#### Task
Of all the lines below, return only those starting with the line holding "#137=IFCINDEXEDPOLYGONALFACE((26,28,32,30));" and going on through the line holding "#157=IFCINDEXEDPOLYGONALFACE((67,71,72,68));", exactly as written.

[Start of section]

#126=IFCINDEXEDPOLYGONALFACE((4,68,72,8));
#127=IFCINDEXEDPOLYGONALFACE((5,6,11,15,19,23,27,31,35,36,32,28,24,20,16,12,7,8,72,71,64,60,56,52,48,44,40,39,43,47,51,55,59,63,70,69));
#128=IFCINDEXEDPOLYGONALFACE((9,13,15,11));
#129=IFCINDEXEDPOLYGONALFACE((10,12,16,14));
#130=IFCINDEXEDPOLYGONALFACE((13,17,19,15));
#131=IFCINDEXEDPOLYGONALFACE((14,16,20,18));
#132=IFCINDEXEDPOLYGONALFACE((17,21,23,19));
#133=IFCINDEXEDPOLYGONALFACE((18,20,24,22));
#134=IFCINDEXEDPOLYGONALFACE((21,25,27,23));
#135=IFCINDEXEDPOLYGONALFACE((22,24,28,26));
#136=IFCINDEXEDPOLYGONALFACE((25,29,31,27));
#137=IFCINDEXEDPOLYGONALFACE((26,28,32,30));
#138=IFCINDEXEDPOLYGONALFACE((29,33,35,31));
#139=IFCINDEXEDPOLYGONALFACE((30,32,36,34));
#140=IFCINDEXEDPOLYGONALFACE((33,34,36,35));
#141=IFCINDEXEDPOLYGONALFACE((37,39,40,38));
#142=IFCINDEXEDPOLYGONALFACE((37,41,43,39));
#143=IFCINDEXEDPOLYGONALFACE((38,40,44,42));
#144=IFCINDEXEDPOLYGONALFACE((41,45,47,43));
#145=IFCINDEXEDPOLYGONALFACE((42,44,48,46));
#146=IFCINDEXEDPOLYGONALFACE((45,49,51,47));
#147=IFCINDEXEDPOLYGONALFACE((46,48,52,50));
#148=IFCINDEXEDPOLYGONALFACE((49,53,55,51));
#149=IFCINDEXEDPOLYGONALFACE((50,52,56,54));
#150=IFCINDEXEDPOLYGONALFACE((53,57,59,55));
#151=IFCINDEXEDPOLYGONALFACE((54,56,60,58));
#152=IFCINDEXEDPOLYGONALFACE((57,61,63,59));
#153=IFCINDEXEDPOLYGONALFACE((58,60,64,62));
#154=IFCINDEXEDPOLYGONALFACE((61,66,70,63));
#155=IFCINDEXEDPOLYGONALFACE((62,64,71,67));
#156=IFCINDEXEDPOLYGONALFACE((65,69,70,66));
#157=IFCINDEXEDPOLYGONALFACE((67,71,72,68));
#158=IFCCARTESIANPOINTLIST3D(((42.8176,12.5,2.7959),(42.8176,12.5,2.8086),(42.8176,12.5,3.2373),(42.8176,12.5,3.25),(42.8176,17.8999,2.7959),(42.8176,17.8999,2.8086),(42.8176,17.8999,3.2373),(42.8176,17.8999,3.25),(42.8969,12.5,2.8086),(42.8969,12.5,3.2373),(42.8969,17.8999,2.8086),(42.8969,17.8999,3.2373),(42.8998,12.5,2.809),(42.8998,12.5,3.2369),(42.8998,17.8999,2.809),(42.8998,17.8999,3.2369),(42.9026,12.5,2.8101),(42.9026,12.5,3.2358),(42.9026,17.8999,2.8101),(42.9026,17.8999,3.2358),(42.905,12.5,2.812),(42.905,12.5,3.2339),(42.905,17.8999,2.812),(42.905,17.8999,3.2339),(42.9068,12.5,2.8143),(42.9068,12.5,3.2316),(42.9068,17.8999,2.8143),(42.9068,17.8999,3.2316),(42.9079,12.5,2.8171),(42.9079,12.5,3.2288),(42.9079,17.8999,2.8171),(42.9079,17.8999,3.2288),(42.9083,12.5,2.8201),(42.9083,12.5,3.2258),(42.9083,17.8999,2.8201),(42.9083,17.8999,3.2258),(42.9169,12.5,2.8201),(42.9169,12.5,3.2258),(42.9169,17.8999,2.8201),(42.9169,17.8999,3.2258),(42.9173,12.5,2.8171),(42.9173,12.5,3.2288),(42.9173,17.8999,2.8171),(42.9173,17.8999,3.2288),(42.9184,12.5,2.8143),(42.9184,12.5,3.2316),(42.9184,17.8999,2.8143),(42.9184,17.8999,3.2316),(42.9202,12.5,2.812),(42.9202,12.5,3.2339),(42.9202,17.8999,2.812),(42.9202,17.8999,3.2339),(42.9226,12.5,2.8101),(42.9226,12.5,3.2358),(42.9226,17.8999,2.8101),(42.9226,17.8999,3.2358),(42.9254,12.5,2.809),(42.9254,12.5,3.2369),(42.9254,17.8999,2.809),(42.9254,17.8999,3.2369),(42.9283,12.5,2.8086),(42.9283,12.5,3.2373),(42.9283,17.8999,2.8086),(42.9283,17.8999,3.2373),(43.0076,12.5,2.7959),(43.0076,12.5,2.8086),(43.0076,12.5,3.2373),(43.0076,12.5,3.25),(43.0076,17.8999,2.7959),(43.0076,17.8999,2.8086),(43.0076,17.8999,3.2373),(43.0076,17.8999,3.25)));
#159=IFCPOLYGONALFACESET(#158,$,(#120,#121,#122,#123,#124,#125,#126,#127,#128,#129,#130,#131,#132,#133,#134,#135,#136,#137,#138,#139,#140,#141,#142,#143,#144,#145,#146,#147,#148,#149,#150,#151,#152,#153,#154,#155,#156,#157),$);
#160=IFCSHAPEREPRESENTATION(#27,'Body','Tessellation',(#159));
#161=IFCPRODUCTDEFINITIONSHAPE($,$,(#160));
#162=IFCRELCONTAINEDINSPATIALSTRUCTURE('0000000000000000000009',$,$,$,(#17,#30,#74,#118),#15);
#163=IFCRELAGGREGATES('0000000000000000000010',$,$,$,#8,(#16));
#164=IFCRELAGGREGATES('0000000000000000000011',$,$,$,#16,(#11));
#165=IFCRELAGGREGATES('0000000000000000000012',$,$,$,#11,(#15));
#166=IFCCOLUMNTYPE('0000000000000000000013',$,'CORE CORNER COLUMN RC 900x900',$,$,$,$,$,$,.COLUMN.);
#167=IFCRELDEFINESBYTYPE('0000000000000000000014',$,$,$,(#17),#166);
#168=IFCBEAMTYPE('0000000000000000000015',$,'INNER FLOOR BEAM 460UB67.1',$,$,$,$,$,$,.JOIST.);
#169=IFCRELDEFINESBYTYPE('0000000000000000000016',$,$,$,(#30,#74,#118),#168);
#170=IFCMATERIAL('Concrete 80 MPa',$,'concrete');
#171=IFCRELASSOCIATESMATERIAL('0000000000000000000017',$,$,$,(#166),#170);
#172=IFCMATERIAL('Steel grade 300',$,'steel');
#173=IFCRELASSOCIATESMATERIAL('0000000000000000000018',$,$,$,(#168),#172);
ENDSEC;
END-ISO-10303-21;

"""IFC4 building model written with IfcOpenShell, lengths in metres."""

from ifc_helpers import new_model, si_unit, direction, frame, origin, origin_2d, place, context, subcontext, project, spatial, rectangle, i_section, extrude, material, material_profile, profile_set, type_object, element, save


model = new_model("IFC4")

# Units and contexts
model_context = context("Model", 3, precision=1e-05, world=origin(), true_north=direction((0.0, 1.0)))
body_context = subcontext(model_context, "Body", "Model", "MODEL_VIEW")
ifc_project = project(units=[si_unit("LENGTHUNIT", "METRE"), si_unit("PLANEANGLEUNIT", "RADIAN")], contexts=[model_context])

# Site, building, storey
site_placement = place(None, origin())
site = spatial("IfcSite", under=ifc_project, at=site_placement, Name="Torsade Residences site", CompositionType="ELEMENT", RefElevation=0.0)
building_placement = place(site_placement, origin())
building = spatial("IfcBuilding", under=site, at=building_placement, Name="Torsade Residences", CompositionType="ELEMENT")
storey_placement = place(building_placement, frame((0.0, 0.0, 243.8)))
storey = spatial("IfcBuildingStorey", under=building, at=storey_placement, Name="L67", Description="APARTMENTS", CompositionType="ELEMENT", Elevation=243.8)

[End of section]

#### Answer section
#137=IFCINDEXEDPOLYGONALFACE((26,28,32,30));
#138=IFCINDEXEDPOLYGONALFACE((29,33,35,31));
#139=IFCINDEXEDPOLYGONALFACE((30,32,36,34));
#140=IFCINDEXEDPOLYGONALFACE((33,34,36,35));
#141=IFCINDEXEDPOLYGONALFACE((37,39,40,38));
#142=IFCINDEXEDPOLYGONALFACE((37,41,43,39));
#143=IFCINDEXEDPOLYGONALFACE((38,40,44,42));
#144=IFCINDEXEDPOLYGONALFACE((41,45,47,43));
#145=IFCINDEXEDPOLYGONALFACE((42,44,48,46));
#146=IFCINDEXEDPOLYGONALFACE((45,49,51,47));
#147=IFCINDEXEDPOLYGONALFACE((46,48,52,50));
#148=IFCINDEXEDPOLYGONALFACE((49,53,55,51));
#149=IFCINDEXEDPOLYGONALFACE((50,52,56,54));
#150=IFCINDEXEDPOLYGONALFACE((53,57,59,55));
#151=IFCINDEXEDPOLYGONALFACE((54,56,60,58));
#152=IFCINDEXEDPOLYGONALFACE((57,61,63,59));
#153=IFCINDEXEDPOLYGONALFACE((58,60,64,62));
#154=IFCINDEXEDPOLYGONALFACE((61,66,70,63));
#155=IFCINDEXEDPOLYGONALFACE((62,64,71,67));
#156=IFCINDEXEDPOLYGONALFACE((65,69,70,66));
#157=IFCINDEXEDPOLYGONALFACE((67,71,72,68));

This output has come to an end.